#### What needs to be done
Across the whole listing, copy out every line that includes the string "IFCRAILINGTYPE".

--

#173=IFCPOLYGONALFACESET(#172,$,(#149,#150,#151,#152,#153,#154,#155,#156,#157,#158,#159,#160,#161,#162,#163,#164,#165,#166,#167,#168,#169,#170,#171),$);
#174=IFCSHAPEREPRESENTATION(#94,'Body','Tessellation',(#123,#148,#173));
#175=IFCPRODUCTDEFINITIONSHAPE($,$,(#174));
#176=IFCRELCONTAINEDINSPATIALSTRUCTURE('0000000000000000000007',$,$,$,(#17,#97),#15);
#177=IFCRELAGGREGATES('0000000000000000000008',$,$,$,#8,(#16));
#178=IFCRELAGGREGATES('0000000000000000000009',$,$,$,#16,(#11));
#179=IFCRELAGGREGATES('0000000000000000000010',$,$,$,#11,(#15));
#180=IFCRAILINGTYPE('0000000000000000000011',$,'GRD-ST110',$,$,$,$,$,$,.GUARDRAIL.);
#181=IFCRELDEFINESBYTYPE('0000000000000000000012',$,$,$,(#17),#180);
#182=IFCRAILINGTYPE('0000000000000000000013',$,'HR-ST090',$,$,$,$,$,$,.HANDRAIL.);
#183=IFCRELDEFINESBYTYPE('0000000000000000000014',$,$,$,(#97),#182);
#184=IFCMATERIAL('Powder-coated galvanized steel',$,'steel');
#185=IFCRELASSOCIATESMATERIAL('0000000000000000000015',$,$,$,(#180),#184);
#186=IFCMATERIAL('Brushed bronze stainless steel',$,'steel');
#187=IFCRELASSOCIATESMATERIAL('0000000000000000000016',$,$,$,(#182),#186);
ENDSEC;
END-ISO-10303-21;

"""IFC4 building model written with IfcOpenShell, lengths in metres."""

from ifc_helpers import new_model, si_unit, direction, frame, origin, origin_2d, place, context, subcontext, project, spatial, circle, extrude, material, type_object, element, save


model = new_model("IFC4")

--

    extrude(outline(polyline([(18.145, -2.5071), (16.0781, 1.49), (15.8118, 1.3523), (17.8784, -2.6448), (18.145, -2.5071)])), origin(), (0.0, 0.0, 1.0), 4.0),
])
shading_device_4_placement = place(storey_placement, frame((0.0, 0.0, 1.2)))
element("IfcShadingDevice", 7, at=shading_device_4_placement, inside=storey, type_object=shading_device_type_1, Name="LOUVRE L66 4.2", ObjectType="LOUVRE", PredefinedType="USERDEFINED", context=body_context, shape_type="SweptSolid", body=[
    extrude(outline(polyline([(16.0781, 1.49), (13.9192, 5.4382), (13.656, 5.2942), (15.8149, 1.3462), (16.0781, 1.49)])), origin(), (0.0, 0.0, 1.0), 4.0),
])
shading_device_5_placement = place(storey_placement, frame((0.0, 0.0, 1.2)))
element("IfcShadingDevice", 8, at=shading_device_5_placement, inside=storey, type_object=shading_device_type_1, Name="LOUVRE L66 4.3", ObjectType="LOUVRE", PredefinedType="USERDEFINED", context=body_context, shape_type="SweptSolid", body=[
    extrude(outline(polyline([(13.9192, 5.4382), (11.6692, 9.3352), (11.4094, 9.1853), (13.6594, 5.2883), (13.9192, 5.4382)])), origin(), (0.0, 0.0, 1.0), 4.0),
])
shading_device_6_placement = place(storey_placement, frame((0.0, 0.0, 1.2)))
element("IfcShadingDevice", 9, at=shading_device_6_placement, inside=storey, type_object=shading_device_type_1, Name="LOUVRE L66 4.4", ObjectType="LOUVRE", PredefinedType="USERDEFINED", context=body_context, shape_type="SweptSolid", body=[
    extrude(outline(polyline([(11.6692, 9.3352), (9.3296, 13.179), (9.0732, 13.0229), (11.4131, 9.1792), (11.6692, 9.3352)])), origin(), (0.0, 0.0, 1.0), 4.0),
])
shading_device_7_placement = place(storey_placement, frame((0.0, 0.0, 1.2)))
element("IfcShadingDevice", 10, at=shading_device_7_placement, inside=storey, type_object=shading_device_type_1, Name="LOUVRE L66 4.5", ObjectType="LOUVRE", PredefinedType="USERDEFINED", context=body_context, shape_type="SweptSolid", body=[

--

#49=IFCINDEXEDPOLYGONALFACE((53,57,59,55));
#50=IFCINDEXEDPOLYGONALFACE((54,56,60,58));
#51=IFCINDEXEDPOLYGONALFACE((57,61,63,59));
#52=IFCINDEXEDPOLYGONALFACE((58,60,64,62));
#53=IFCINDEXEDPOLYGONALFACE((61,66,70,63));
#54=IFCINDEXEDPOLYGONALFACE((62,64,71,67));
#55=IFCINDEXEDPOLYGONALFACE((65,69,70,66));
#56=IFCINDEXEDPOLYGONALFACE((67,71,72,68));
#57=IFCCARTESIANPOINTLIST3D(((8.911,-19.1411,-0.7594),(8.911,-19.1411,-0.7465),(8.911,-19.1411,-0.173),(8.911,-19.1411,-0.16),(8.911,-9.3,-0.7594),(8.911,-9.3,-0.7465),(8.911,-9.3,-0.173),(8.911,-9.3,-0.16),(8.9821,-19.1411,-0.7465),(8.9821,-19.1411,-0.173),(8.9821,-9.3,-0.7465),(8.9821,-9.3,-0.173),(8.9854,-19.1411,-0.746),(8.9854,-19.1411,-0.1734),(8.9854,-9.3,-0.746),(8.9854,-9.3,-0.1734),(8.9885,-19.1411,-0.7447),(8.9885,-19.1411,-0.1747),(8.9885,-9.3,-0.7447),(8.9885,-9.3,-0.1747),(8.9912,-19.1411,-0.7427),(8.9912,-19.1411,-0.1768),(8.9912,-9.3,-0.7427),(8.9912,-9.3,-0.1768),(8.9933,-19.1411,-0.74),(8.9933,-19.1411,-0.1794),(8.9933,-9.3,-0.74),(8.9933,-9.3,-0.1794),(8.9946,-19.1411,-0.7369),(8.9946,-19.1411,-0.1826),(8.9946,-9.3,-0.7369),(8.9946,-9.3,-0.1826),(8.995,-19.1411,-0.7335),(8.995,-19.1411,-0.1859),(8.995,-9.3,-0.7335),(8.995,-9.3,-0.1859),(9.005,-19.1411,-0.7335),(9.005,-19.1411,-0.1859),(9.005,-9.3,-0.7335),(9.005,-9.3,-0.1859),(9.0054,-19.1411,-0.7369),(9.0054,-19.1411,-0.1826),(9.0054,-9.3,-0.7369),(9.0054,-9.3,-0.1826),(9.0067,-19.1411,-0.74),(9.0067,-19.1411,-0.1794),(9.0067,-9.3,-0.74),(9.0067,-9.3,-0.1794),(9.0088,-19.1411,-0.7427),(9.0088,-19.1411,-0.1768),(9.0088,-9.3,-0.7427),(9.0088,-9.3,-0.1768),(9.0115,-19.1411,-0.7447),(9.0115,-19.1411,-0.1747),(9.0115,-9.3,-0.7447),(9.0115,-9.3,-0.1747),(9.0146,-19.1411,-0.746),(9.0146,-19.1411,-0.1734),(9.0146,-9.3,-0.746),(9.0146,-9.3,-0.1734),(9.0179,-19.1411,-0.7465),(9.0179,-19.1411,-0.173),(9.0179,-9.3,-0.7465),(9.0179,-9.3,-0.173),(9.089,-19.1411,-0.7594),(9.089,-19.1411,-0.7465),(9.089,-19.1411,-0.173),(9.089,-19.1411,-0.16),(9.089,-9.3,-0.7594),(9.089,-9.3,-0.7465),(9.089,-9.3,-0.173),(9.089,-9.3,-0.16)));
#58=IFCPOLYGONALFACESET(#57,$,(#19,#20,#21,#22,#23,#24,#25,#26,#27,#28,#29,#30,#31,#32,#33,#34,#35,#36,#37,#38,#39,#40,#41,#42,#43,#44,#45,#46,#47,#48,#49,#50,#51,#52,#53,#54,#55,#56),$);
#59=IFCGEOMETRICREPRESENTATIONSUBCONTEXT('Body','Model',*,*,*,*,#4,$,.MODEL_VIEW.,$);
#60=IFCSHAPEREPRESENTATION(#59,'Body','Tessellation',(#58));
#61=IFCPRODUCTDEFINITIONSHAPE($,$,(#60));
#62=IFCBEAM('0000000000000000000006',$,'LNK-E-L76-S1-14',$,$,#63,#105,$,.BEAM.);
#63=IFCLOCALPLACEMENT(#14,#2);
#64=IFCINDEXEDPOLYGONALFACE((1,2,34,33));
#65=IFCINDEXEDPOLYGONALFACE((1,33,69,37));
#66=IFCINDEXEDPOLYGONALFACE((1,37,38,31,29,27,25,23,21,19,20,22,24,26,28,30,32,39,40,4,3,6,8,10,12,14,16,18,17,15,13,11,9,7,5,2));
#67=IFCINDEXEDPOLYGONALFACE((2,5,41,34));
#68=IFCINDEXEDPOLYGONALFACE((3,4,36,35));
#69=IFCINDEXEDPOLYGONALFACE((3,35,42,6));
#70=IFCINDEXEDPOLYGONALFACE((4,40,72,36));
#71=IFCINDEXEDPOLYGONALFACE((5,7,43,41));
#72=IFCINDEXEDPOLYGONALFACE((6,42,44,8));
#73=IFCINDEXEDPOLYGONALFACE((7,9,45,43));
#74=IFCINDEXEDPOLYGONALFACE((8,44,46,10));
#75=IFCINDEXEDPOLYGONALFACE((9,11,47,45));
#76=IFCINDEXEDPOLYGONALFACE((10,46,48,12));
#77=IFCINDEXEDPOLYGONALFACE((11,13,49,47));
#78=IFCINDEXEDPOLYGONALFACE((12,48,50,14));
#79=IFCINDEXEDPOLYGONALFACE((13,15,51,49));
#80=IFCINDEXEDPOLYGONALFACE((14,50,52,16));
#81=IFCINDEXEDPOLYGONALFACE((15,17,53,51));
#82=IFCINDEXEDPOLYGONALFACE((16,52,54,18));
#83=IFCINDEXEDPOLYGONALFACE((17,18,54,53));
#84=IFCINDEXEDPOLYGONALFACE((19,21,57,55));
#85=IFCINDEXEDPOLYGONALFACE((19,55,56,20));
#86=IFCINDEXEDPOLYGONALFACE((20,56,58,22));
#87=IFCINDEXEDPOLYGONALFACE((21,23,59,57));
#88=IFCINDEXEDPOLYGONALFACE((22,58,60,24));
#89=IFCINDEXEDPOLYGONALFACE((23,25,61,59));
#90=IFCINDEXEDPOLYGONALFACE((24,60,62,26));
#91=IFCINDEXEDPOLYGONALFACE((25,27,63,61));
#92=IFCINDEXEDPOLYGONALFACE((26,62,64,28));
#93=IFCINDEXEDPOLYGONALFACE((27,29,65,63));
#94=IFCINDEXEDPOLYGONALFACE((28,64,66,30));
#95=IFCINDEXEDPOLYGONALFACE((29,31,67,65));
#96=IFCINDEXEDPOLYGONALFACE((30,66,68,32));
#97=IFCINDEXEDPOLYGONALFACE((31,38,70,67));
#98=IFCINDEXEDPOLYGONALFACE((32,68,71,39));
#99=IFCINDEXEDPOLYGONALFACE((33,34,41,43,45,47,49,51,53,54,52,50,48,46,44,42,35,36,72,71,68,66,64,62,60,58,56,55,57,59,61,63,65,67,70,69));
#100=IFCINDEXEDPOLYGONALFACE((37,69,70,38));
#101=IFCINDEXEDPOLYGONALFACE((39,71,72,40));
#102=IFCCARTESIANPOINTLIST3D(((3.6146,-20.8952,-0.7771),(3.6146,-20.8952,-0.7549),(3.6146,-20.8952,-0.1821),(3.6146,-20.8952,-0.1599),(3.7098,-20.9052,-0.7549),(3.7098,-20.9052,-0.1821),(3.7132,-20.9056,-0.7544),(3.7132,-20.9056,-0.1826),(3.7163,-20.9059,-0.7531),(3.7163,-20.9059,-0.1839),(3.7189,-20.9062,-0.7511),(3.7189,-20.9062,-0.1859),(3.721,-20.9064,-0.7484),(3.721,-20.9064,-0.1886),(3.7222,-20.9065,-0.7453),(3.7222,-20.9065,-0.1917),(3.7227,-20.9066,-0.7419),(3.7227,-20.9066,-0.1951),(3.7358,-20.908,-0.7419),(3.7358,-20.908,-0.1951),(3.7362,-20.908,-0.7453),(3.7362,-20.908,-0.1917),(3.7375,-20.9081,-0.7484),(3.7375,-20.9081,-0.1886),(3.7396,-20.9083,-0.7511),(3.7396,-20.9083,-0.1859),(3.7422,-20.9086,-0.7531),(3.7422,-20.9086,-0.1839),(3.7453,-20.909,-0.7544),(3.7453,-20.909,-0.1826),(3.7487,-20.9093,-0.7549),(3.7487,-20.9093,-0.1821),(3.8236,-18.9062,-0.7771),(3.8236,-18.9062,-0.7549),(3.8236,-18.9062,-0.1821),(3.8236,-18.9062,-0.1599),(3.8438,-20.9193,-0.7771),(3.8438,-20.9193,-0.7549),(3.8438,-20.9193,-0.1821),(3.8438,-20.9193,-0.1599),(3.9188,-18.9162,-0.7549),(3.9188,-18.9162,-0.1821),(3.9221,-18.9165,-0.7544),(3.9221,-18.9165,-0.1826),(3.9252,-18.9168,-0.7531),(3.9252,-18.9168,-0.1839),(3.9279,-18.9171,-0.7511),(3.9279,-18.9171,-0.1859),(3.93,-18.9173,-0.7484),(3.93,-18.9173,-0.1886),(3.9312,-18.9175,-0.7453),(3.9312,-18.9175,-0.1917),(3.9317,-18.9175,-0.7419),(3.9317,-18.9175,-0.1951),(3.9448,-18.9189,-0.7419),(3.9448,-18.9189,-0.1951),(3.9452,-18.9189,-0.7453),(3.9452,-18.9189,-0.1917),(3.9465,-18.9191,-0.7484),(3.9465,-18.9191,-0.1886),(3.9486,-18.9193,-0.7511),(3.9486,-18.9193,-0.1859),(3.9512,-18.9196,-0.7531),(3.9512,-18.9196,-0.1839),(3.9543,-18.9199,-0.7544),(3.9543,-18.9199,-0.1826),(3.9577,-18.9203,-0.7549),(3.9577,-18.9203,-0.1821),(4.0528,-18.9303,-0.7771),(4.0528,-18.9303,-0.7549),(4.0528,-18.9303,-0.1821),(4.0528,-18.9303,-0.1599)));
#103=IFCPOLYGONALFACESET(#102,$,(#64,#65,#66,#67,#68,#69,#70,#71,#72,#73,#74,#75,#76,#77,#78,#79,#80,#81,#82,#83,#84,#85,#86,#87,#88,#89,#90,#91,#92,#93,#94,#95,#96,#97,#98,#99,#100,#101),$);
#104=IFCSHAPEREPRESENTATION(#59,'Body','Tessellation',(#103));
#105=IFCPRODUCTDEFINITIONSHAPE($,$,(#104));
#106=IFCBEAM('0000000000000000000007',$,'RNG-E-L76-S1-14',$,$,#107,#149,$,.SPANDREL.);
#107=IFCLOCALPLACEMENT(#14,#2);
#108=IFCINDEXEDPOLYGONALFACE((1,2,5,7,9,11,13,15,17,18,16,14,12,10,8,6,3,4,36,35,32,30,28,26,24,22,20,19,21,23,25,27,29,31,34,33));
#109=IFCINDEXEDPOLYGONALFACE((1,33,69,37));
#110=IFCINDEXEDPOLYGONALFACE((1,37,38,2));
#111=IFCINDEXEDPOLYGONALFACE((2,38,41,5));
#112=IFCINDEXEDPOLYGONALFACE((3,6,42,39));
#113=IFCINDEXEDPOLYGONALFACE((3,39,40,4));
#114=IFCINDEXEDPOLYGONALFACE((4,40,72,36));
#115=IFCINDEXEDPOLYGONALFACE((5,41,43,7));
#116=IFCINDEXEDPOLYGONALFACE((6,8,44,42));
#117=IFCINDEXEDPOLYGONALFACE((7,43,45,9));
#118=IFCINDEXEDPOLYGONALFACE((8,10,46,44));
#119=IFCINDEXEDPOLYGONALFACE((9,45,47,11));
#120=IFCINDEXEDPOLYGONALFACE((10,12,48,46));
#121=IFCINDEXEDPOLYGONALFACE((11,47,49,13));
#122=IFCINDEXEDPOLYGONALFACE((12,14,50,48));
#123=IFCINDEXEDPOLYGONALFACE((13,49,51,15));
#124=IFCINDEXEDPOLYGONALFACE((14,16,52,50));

--

#### Final answer
#180=IFCRAILINGTYPE('0000000000000000000011',$,'GRD-ST110',$,$,$,$,$,$,.GUARDRAIL.);
#182=IFCRAILINGTYPE('0000000000000000000013',$,'HR-ST090',$,$,$,$,$,$,.HANDRAIL.);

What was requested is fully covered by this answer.